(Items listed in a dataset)
=-=-=
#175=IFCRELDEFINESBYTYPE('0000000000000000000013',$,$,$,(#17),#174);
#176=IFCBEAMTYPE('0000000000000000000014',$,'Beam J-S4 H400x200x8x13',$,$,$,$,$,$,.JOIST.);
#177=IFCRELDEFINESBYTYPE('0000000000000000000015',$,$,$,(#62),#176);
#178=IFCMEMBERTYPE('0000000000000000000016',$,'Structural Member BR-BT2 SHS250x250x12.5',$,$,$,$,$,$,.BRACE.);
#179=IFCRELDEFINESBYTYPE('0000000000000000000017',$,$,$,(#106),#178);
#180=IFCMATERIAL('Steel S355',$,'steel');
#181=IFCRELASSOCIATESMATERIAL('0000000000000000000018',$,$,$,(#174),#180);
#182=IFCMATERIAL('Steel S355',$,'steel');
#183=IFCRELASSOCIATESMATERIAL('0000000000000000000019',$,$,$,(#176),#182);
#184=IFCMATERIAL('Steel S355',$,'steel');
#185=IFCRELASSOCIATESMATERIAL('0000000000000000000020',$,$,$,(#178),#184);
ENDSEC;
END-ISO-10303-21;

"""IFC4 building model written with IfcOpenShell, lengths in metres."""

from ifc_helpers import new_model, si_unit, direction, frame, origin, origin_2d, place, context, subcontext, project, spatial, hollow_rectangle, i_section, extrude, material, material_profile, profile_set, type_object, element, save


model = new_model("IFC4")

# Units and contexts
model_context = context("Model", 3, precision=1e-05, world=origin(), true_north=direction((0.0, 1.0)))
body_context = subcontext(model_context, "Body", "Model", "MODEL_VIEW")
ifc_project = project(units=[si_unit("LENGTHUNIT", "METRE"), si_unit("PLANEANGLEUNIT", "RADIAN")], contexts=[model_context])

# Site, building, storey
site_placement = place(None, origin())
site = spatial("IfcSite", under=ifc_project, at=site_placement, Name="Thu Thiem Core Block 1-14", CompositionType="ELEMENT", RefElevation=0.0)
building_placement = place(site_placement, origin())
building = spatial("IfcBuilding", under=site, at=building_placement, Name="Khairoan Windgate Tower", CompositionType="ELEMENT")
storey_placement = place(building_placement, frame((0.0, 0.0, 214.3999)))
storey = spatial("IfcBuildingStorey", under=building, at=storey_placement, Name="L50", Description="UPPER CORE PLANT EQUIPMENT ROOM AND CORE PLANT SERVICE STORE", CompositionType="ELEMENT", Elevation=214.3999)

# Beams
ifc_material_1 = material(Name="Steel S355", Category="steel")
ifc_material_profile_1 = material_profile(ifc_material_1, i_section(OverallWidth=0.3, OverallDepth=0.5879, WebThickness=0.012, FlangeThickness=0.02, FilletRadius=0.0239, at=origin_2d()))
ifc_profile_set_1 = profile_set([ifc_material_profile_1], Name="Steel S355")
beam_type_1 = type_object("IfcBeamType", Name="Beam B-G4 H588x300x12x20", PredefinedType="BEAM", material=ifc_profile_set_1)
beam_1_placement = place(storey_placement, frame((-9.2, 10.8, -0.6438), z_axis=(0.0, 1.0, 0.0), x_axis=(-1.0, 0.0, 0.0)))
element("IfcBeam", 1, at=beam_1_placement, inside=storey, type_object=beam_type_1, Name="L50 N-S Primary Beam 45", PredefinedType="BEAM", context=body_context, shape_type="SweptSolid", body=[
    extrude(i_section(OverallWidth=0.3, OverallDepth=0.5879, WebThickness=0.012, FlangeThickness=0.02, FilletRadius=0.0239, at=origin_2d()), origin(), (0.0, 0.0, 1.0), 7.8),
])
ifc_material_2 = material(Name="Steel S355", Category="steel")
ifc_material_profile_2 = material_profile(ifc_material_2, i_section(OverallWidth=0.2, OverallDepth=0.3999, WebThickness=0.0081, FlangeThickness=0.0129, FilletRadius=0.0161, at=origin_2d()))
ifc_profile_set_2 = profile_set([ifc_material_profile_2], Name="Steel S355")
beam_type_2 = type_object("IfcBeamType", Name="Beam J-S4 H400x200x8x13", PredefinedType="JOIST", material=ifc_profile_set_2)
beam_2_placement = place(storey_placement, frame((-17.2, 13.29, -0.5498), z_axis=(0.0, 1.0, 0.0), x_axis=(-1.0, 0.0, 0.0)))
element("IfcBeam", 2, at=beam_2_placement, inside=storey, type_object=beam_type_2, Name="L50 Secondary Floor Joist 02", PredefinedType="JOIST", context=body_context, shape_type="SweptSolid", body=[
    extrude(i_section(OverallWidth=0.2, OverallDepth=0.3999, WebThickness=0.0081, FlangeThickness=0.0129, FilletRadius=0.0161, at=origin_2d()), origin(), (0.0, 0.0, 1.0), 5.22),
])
=-=-=
What is being asked
Count all lines of the data that include "FilletRadius". The answer is the number alone.

Task response
4